▸ TASK REQUIREMENTS
For the word "IFCPOLYGONALFACESET", count the lines in the records below that include it and give only that number.

▸ ENTRIES SUPPLIED
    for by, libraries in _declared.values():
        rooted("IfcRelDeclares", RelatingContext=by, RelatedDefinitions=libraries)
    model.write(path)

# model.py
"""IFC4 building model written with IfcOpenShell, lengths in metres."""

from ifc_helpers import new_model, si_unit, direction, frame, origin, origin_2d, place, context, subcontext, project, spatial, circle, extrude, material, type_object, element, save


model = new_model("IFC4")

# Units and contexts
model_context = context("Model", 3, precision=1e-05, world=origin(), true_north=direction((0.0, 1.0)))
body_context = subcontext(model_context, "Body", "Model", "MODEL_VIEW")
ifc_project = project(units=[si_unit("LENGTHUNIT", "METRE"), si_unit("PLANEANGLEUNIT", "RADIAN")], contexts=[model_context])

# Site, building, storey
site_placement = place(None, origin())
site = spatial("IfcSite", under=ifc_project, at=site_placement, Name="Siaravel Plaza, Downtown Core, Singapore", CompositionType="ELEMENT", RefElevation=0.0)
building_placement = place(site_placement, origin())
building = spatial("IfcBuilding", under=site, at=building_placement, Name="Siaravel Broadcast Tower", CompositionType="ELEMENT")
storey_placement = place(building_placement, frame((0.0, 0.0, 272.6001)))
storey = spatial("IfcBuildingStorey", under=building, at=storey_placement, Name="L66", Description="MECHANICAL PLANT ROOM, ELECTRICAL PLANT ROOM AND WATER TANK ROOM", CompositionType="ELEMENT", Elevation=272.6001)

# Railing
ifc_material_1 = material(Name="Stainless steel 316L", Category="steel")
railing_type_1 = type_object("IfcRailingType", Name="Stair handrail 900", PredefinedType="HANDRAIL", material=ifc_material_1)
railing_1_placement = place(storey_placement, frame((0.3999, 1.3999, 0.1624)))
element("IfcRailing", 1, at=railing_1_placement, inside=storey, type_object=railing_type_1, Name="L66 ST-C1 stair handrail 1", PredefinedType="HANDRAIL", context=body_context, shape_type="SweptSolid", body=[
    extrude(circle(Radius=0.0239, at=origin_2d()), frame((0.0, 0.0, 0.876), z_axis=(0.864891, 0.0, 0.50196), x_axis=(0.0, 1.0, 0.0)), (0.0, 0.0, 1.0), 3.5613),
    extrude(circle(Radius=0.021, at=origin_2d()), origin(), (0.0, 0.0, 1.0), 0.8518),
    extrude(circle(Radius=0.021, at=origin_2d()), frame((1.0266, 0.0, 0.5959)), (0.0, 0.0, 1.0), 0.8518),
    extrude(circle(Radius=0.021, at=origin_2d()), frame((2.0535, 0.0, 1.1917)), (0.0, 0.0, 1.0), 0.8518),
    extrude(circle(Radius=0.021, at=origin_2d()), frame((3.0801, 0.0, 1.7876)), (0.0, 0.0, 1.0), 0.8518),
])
==
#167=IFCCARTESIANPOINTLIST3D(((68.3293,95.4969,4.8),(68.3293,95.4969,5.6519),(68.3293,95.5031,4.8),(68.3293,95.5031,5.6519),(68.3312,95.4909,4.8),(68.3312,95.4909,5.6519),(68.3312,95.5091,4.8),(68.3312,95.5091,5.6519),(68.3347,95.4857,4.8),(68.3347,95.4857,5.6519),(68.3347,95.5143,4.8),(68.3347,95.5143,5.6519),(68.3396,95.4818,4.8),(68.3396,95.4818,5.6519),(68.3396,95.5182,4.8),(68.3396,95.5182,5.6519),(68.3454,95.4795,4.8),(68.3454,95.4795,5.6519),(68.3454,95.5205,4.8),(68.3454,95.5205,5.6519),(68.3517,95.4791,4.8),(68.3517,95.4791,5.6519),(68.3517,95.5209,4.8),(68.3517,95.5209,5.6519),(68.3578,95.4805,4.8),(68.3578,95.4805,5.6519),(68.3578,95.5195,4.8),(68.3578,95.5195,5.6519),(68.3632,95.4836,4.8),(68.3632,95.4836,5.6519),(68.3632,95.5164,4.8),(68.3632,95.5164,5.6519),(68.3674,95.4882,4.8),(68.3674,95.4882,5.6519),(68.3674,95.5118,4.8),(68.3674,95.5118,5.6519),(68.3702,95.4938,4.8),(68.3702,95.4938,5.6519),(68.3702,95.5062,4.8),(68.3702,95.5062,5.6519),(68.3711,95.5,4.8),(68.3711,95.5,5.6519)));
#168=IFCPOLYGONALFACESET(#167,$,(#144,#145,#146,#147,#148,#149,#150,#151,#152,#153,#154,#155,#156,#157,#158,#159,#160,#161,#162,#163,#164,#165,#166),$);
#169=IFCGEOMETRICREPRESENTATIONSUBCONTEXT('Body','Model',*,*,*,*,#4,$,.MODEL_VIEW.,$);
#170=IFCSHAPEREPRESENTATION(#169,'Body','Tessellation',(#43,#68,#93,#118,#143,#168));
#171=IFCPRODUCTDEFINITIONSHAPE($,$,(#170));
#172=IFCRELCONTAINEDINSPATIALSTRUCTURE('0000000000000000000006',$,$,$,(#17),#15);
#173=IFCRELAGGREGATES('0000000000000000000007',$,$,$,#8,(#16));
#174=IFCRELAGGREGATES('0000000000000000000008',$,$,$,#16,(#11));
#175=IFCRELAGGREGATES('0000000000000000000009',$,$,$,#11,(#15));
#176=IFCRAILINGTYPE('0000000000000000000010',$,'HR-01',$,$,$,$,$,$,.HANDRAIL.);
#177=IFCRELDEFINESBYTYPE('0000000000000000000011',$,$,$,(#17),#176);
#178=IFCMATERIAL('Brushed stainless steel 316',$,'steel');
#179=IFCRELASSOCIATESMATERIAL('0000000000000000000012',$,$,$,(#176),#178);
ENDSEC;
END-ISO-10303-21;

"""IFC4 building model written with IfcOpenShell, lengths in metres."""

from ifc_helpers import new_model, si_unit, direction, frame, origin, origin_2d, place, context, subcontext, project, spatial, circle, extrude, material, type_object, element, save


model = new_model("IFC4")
==
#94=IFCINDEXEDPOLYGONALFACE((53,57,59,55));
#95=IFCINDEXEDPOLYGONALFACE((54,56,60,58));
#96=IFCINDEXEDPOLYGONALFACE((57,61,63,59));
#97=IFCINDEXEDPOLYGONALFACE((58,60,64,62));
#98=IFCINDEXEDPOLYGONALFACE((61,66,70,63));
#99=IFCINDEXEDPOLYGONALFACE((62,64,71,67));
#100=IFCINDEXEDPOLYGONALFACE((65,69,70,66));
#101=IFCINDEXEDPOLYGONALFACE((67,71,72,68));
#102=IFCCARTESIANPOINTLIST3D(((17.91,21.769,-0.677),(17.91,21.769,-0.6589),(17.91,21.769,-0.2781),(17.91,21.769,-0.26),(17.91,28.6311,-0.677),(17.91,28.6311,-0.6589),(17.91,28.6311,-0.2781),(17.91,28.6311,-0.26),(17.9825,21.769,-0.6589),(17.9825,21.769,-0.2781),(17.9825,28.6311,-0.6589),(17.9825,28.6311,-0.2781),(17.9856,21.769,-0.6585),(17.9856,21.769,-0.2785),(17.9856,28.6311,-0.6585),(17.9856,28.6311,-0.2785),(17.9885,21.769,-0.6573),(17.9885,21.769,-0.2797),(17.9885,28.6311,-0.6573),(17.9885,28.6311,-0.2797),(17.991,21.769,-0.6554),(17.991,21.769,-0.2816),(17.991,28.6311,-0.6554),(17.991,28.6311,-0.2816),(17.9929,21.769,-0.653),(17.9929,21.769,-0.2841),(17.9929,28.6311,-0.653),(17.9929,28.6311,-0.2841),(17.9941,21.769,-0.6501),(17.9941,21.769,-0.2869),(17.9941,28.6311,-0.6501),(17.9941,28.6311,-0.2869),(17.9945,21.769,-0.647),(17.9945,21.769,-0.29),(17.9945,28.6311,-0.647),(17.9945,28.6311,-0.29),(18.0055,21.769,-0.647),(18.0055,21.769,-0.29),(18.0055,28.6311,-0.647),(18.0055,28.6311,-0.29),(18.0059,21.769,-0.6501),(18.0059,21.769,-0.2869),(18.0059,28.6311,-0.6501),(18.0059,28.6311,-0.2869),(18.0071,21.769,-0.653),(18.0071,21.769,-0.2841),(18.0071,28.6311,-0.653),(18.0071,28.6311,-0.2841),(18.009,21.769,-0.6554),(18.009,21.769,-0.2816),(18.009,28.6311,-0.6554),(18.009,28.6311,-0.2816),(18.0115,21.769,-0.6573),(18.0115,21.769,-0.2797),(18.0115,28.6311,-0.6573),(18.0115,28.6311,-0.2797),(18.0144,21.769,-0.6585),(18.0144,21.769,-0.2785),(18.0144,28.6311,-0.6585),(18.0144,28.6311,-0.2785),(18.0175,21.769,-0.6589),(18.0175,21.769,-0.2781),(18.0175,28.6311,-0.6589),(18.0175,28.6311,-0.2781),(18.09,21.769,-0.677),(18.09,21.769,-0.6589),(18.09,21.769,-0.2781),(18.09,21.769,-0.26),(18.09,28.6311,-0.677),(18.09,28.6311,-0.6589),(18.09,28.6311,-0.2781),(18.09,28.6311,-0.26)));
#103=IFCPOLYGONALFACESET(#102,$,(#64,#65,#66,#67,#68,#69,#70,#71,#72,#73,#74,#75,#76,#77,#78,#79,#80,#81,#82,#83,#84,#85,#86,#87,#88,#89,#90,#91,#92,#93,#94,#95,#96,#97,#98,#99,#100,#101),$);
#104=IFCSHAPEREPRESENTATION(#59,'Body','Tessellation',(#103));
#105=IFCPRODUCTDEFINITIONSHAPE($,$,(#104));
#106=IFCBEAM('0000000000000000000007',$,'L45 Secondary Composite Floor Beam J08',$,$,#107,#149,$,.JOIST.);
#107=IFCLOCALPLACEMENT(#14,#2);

▸ REPLY TO THE EXERCISE
2